═══ Data shown
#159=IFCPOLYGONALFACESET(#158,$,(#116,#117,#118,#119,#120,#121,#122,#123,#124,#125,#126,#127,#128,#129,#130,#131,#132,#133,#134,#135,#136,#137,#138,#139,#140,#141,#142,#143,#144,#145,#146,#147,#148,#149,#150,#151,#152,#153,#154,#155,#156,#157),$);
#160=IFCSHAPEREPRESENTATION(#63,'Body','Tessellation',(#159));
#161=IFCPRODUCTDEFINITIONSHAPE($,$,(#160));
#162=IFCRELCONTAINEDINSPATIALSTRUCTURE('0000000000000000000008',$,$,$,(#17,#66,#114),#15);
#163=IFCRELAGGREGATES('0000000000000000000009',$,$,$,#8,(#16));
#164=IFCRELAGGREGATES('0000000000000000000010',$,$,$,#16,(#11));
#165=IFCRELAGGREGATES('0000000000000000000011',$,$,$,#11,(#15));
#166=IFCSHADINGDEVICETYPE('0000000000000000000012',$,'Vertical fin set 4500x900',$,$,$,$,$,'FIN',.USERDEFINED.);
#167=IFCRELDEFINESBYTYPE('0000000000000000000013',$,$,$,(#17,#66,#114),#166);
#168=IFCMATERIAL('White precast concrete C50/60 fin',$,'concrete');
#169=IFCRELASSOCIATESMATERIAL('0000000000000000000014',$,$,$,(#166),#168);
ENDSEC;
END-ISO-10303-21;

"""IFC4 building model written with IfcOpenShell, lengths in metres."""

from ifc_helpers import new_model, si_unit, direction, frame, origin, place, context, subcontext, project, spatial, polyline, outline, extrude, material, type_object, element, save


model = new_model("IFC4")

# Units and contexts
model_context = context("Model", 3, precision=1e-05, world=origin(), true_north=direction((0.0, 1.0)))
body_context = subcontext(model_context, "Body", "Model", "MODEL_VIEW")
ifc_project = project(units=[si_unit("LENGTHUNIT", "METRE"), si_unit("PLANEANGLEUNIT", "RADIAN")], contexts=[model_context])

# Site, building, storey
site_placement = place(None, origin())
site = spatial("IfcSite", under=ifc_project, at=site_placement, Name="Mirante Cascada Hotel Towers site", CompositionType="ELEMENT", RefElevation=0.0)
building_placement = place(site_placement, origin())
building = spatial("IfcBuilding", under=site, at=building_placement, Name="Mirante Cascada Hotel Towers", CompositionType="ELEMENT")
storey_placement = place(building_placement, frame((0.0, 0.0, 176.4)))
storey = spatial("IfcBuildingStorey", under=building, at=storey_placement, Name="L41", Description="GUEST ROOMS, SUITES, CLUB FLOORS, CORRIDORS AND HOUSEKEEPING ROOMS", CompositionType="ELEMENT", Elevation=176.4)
══════
Every line in the material above that has the word "origin" should be copied.

from ifc_helpers import new_model, si_unit, direction, frame, origin, place, context, subcontext, project, spatial, polyline, outline, extrude, material, type_object, element, save
model_context = context("Model", 3, precision=1e-05, world=origin(), true_north=direction((0.0, 1.0)))
site_placement = place(None, origin())
building_placement = place(site_placement, origin())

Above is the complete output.